Your answer should be the lines of the listing that contain the word "IFCRELDEFINESBYTYPE".

::::

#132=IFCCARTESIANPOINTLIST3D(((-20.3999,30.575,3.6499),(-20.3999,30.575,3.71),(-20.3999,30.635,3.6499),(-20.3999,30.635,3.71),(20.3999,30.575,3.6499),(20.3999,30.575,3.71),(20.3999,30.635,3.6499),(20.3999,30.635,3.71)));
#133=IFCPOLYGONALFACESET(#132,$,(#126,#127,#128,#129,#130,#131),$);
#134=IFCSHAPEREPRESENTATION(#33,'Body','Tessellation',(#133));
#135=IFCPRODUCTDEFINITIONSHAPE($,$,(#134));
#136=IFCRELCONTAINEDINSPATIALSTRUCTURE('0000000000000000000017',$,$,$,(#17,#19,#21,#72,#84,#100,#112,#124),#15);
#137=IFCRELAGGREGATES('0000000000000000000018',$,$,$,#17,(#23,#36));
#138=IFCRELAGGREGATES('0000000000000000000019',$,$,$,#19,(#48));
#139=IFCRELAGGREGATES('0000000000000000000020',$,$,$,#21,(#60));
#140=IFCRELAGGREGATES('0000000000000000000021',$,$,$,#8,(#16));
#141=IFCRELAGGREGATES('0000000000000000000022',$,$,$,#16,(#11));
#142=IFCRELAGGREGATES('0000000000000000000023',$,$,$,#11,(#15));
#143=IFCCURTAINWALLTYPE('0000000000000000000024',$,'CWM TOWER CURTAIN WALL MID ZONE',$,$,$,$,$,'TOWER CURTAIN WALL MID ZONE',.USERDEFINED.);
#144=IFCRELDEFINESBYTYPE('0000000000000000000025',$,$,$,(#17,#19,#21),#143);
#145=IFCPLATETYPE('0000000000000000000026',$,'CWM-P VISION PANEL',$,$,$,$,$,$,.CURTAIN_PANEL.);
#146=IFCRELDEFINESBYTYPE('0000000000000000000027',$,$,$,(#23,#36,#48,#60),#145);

::::

» **Solved exercise**
#144=IFCRELDEFINESBYTYPE('0000000000000000000025',$,$,$,(#17,#19,#21),#143);
#146=IFCRELDEFINESBYTYPE('0000000000000000000027',$,$,$,(#23,#36,#48,#60),#145);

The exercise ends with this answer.